Work request: Exactly the lines starting at the line containing "#208=IFCMATERIALLAYER(#207,0.3,$,$,$,$,$);" and ending at the line containing "#211=IFCMATERIAL('Double-Silver Low-E Insulated" are to be written out from the listing below, both included.
══ Provided records ══
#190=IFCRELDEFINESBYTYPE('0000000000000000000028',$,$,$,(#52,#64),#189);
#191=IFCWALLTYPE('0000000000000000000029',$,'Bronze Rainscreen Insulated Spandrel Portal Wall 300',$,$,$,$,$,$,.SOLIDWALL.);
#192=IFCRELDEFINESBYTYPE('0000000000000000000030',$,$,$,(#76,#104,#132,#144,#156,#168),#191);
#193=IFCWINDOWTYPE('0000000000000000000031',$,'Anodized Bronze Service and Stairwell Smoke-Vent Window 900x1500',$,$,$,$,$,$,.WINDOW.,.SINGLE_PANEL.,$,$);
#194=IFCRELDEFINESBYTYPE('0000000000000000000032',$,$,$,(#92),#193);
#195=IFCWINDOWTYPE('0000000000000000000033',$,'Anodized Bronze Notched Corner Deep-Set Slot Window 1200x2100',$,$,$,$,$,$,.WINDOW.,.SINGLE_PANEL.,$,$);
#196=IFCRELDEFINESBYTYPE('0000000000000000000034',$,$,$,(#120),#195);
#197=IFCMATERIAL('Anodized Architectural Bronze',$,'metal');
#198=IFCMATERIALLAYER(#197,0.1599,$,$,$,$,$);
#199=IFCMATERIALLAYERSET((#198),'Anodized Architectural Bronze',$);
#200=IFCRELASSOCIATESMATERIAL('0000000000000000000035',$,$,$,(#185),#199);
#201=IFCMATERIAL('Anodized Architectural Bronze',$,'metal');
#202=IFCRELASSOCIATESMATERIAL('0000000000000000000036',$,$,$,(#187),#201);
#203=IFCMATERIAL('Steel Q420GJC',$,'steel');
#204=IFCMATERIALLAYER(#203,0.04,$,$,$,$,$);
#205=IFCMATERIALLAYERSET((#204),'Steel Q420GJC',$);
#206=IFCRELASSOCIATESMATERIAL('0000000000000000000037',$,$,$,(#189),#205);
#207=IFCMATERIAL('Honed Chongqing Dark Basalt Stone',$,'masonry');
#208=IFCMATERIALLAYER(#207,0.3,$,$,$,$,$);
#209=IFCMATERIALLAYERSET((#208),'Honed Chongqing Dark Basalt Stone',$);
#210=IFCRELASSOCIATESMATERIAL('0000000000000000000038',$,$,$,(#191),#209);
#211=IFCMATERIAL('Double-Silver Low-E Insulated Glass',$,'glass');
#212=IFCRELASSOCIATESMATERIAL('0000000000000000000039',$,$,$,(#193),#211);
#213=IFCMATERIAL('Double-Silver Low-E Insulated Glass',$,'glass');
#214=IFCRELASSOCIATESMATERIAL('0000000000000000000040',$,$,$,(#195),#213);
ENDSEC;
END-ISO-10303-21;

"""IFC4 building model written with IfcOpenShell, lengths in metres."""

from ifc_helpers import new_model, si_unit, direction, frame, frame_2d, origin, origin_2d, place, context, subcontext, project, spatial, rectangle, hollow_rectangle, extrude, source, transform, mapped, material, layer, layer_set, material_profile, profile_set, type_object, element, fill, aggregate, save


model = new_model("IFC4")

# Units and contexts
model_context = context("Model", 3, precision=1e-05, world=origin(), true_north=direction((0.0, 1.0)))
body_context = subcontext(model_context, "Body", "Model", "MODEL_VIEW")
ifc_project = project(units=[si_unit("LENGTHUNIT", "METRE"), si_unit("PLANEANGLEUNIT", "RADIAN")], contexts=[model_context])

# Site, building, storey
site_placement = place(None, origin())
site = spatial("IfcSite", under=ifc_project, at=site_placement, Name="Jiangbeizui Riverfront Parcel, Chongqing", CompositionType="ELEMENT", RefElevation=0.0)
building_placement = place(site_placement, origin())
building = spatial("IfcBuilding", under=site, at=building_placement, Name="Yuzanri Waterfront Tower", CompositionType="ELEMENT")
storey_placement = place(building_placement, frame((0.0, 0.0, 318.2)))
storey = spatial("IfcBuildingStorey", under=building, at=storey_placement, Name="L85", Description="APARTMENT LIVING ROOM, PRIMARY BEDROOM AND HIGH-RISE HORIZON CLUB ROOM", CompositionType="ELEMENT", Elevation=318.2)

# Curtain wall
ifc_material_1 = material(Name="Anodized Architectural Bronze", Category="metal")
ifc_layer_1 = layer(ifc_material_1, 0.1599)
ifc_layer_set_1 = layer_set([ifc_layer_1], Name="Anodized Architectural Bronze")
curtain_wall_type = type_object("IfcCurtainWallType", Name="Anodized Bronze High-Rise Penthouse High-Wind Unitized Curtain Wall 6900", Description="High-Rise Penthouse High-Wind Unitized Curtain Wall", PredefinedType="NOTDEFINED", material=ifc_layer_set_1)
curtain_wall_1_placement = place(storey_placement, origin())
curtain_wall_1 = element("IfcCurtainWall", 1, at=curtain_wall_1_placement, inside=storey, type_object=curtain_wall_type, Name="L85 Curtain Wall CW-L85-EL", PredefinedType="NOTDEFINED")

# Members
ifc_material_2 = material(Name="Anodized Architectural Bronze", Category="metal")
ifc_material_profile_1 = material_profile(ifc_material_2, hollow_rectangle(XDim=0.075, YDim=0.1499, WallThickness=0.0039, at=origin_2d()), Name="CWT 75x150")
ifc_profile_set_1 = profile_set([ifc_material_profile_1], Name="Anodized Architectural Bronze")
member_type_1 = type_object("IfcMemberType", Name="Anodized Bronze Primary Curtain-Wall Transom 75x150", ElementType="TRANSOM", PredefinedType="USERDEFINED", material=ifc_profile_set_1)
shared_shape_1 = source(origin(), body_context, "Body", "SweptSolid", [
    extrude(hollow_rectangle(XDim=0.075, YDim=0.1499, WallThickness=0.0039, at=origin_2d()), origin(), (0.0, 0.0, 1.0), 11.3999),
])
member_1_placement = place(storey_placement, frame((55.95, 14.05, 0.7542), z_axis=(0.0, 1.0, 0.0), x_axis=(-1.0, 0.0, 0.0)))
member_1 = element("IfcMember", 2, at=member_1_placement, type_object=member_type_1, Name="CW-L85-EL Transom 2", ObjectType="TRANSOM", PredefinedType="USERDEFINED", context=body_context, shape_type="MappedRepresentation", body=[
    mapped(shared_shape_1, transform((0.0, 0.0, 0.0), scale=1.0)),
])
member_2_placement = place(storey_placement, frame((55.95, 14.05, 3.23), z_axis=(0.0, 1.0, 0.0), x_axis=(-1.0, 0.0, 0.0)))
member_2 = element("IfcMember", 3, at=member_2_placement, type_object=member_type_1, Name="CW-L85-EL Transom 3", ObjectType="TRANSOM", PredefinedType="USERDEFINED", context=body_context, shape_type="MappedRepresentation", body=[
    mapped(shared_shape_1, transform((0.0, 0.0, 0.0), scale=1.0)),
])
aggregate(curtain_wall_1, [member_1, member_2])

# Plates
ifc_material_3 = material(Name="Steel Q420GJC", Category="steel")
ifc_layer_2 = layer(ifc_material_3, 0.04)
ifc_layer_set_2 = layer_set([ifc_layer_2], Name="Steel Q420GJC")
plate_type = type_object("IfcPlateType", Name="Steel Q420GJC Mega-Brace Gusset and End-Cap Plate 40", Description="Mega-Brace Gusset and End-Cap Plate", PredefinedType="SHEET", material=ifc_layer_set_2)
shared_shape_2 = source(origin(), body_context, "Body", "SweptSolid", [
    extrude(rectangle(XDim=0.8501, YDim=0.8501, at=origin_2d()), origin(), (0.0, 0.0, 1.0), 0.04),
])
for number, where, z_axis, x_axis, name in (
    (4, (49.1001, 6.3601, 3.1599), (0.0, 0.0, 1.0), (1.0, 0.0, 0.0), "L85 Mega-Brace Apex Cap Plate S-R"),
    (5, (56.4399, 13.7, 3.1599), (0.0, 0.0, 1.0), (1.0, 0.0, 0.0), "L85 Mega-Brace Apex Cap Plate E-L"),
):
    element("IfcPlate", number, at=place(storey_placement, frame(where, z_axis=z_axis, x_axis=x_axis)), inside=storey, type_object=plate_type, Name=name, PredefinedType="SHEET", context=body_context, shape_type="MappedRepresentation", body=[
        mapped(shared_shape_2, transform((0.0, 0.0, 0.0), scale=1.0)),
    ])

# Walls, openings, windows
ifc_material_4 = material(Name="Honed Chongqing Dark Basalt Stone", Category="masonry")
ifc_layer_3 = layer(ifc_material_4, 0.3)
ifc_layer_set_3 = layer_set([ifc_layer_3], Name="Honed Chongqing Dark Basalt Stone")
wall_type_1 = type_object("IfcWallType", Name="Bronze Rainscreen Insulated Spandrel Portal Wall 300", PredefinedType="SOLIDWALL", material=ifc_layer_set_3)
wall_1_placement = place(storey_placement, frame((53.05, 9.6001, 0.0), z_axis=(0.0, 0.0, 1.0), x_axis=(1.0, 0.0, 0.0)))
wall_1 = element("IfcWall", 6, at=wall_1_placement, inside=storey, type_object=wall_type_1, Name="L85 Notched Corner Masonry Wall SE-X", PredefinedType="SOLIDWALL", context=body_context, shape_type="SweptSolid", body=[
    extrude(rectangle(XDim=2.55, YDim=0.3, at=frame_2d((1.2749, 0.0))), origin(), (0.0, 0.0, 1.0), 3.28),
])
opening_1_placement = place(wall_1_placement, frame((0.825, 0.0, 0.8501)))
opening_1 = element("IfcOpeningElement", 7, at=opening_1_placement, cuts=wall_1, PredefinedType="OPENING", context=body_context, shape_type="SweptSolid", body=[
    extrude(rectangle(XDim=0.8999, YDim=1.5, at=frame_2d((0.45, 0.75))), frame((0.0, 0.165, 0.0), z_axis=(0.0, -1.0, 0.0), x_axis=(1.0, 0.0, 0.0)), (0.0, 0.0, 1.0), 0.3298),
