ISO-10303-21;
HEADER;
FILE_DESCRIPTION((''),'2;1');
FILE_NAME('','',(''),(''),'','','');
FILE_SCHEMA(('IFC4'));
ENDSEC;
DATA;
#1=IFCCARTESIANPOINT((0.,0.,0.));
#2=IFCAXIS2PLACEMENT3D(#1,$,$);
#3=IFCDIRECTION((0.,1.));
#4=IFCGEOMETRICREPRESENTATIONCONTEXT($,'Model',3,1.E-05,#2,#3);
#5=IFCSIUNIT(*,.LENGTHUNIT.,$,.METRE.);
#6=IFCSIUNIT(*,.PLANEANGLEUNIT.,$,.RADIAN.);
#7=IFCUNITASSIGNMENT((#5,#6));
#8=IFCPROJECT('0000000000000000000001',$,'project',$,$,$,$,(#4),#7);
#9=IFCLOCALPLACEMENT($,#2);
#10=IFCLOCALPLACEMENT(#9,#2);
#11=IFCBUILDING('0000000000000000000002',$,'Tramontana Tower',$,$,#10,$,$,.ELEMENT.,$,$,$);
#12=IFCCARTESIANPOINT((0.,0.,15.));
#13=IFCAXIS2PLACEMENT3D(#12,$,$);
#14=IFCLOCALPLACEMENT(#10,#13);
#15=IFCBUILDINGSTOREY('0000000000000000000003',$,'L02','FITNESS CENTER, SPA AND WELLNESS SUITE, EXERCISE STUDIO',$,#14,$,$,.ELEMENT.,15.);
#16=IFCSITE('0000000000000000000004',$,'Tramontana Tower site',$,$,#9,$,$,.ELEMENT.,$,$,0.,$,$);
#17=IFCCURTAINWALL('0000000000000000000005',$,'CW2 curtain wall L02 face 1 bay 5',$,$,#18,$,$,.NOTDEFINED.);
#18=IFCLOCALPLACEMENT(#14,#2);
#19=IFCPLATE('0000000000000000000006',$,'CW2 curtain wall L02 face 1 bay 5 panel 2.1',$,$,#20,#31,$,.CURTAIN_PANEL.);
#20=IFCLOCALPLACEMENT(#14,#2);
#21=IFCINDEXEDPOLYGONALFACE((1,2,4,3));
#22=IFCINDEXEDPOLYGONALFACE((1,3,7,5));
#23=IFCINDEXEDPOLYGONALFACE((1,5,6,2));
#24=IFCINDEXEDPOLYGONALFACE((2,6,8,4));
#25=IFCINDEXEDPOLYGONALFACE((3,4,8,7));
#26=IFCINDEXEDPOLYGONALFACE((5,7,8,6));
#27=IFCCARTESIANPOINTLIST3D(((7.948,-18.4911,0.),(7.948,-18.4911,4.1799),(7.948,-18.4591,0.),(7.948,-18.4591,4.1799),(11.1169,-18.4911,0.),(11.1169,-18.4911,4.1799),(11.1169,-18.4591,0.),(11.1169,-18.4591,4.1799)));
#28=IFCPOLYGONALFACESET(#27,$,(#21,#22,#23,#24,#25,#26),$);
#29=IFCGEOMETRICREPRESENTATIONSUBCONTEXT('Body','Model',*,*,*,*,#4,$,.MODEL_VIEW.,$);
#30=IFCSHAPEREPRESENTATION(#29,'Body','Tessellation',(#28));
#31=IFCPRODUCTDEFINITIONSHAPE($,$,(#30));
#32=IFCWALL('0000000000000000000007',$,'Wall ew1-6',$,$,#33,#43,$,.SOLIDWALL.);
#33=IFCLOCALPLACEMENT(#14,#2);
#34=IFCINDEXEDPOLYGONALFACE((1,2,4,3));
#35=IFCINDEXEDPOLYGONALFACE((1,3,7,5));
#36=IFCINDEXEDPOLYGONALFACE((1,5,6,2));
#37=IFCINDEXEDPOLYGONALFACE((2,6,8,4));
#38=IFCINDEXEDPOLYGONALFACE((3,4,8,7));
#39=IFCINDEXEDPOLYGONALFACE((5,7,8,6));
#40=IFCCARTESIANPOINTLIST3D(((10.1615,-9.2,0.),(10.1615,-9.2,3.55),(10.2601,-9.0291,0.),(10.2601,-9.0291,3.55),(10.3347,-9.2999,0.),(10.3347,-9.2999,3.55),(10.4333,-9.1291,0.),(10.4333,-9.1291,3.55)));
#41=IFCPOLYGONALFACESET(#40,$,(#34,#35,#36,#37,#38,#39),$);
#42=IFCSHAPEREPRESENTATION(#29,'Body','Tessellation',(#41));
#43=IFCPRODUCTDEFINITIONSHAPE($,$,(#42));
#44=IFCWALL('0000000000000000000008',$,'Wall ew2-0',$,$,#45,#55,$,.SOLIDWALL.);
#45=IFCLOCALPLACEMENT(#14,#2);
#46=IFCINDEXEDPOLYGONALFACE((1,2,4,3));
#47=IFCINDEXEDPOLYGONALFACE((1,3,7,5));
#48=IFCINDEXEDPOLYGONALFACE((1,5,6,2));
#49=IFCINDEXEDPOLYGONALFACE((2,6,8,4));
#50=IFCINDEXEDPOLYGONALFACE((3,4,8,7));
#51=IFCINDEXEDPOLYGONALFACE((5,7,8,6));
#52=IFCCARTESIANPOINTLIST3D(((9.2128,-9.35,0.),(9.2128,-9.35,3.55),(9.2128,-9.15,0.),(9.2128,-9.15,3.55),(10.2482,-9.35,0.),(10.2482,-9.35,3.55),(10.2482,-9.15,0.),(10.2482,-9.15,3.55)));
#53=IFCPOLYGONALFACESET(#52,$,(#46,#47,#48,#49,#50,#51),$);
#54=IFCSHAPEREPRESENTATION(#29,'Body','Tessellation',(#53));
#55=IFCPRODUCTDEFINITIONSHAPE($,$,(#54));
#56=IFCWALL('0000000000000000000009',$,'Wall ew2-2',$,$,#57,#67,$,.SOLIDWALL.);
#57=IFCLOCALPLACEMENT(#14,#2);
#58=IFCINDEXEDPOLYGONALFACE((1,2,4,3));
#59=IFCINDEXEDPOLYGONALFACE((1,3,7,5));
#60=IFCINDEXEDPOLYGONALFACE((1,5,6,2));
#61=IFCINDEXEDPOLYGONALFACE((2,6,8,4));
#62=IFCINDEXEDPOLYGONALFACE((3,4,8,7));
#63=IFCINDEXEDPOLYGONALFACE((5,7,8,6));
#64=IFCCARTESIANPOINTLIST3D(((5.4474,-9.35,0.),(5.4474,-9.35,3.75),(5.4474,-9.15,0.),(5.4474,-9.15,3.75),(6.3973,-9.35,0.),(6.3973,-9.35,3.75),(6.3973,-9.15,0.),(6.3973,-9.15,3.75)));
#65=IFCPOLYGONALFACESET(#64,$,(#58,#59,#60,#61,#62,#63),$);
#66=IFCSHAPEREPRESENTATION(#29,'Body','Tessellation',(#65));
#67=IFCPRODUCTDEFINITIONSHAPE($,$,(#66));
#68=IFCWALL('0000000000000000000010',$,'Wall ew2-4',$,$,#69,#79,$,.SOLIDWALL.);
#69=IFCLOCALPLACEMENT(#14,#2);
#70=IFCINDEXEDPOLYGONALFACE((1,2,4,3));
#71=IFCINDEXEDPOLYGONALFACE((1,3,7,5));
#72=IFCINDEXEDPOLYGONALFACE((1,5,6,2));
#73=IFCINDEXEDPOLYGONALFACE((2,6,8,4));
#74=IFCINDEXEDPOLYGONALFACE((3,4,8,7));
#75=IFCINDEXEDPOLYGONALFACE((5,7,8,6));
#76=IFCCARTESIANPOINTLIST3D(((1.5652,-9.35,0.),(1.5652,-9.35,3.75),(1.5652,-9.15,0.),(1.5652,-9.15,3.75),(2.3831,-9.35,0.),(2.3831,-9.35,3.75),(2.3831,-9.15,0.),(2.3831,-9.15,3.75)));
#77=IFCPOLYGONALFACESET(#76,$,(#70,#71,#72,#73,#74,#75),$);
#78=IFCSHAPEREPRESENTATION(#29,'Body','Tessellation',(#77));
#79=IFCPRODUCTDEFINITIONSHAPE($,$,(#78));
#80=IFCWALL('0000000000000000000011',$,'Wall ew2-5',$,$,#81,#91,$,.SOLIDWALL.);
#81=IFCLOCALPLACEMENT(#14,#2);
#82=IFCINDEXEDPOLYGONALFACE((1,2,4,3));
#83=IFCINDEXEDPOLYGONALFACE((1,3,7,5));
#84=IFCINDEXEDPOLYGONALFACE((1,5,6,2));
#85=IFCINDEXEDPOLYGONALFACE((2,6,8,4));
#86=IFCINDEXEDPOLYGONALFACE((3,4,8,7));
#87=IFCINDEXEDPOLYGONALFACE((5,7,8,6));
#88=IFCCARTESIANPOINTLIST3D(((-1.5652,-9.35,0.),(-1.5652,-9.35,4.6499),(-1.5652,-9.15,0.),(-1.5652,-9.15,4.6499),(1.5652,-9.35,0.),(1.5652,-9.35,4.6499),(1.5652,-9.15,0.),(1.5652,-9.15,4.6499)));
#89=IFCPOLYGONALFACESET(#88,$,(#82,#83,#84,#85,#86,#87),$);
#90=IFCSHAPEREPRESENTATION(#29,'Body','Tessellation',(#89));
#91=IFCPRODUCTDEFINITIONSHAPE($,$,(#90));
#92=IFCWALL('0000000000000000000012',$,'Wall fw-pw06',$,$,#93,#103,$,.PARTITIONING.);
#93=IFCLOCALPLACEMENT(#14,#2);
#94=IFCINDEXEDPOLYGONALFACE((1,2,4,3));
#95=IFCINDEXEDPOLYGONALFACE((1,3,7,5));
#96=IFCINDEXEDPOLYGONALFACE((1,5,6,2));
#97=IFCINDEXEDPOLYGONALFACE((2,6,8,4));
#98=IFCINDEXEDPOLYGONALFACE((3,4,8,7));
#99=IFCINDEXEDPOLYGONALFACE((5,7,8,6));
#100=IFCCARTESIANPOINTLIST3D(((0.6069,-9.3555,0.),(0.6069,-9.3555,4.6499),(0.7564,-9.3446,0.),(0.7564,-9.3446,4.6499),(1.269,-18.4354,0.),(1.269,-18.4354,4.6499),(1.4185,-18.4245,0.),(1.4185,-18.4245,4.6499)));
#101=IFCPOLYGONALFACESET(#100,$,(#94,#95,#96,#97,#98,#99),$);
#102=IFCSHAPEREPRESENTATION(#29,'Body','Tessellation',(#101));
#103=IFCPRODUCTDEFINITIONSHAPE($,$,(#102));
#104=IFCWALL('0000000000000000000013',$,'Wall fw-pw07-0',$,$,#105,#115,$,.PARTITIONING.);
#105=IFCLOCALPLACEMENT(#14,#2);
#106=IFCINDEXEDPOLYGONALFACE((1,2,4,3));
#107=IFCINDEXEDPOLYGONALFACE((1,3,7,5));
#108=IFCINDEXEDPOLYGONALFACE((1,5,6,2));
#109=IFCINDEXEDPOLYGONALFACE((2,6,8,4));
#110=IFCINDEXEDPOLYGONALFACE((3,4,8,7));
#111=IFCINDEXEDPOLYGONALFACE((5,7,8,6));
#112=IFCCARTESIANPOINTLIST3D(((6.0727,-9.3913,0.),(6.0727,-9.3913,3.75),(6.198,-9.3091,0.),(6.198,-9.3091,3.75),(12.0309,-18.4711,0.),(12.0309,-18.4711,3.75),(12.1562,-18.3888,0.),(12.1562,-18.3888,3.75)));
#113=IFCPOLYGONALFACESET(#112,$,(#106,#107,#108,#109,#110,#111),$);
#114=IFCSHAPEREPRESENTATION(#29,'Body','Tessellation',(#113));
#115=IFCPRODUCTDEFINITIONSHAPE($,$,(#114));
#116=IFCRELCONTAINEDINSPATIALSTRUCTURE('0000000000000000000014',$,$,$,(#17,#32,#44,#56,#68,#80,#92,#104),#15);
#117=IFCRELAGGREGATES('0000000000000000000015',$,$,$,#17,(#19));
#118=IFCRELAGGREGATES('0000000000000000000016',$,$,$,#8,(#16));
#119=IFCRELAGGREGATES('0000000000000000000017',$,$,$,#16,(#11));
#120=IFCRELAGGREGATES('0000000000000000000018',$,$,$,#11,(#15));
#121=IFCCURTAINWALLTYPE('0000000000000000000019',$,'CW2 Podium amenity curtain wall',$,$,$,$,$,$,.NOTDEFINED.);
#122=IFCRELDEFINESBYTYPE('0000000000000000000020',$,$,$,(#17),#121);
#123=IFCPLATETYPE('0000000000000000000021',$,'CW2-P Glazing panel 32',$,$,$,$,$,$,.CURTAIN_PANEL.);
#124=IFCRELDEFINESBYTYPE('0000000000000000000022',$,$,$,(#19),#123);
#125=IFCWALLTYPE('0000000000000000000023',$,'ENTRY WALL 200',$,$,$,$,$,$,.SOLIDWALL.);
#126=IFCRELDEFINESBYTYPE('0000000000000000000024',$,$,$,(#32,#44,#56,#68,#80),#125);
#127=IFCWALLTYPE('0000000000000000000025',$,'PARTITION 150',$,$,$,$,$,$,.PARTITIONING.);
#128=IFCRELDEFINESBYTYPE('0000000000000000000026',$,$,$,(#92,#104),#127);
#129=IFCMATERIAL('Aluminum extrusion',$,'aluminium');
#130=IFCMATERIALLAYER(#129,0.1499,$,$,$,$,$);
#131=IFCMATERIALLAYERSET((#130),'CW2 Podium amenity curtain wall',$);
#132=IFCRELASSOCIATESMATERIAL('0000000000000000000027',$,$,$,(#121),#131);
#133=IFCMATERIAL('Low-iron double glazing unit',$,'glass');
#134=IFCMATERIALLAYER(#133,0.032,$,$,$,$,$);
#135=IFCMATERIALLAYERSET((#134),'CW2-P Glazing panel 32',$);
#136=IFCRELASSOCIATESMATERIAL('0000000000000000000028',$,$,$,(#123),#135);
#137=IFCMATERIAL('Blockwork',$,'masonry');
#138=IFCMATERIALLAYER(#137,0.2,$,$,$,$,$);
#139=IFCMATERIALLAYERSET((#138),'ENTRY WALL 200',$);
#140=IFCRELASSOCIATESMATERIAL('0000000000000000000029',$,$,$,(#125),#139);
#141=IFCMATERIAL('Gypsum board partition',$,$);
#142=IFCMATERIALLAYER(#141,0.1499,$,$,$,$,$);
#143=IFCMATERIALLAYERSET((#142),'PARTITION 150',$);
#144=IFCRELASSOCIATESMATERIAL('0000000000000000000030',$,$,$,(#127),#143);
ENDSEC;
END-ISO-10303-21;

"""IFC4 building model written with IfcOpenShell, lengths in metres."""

from ifc_helpers import new_model, si_unit, direction, frame, frame_2d, origin, origin_2d, place, context, subcontext, project, spatial, rectangle, extrude, material, layer, layer_set, type_object, element, aggregate, save


model = new_model("IFC4")

# Units and contexts
model_context = context("Model", 3, precision=1e-05, world=origin(), true_north=direction((0.0, 1.0)))
body_context = subcontext(model_context, "Body", "Model", "MODEL_VIEW")
ifc_project = project(units=[si_unit("LENGTHUNIT", "METRE"), si_unit("PLANEANGLEUNIT", "RADIAN")], contexts=[model_context])

# Site, building, storey
site_placement = place(None, origin())
site = spatial("IfcSite", under=ifc_project, at=site_placement, Name="Tramontana Tower site", CompositionType="ELEMENT", RefElevation=0.0)
building_placement = place(site_placement, origin())
building = spatial("IfcBuilding", under=site, at=building_placement, Name="Tramontana Tower", CompositionType="ELEMENT")
storey_placement = place(building_placement, frame((0.0, 0.0, 15.0)))
storey = spatial("IfcBuildingStorey", under=building, at=storey_placement, Name="L02", Description="FITNESS CENTER, SPA AND WELLNESS SUITE, EXERCISE STUDIO", CompositionType="ELEMENT", Elevation=15.0)

# Curtain wall
ifc_material_1 = material(Name="Aluminum extrusion", Category="aluminium")
ifc_layer_1 = layer(ifc_material_1, 0.1499)
ifc_layer_set_1 = layer_set([ifc_layer_1], Name="CW2 Podium amenity curtain wall")
curtain_wall_type = type_object("IfcCurtainWallType", Name="CW2 Podium amenity curtain wall", PredefinedType="NOTDEFINED", material=ifc_layer_set_1)
curtain_wall_1_placement = place(storey_placement, origin())
curtain_wall_1 = element("IfcCurtainWall", 1, at=curtain_wall_1_placement, inside=storey, type_object=curtain_wall_type, Name="CW2 curtain wall L02 face 1 bay 5", PredefinedType="NOTDEFINED")

# Plate
ifc_material_2 = material(Name="Low-iron double glazing unit", Category="glass")
ifc_layer_2 = layer(ifc_material_2, 0.032)
ifc_layer_set_2 = layer_set([ifc_layer_2], Name="CW2-P Glazing panel 32")
plate_type = type_object("IfcPlateType", Name="CW2-P Glazing panel 32", PredefinedType="CURTAIN_PANEL", material=ifc_layer_set_2)
plate_1_placement = place(storey_placement, frame((9.5325, -18.4751, 0.0), z_axis=(0.0, 0.0, 1.0), x_axis=(1.0, 0.0, 0.0)))
plate_1 = element("IfcPlate", 2, at=plate_1_placement, type_object=plate_type, Name="CW2 curtain wall L02 face 1 bay 5 panel 2.1", PredefinedType="CURTAIN_PANEL", context=body_context, shape_type="SweptSolid", body=[
    extrude(rectangle(XDim=3.1689, YDim=0.032, at=origin_2d()), origin(), (0.0, 0.0, 1.0), 4.1799),
])
aggregate(curtain_wall_1, [plate_1])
═══
Your response:
#208=IFCMATERIALLAYER(#207,0.3,$,$,$,$,$);
#209=IFCMATERIALLAYERSET((#208),'Honed Chongqing Dark Basalt Stone',$);
#210=IFCRELASSOCIATESMATERIAL('0000000000000000000038',$,$,$,(#191),#209);
#211=IFCMATERIAL('Double-Silver Low-E Insulated Glass',$,'glass');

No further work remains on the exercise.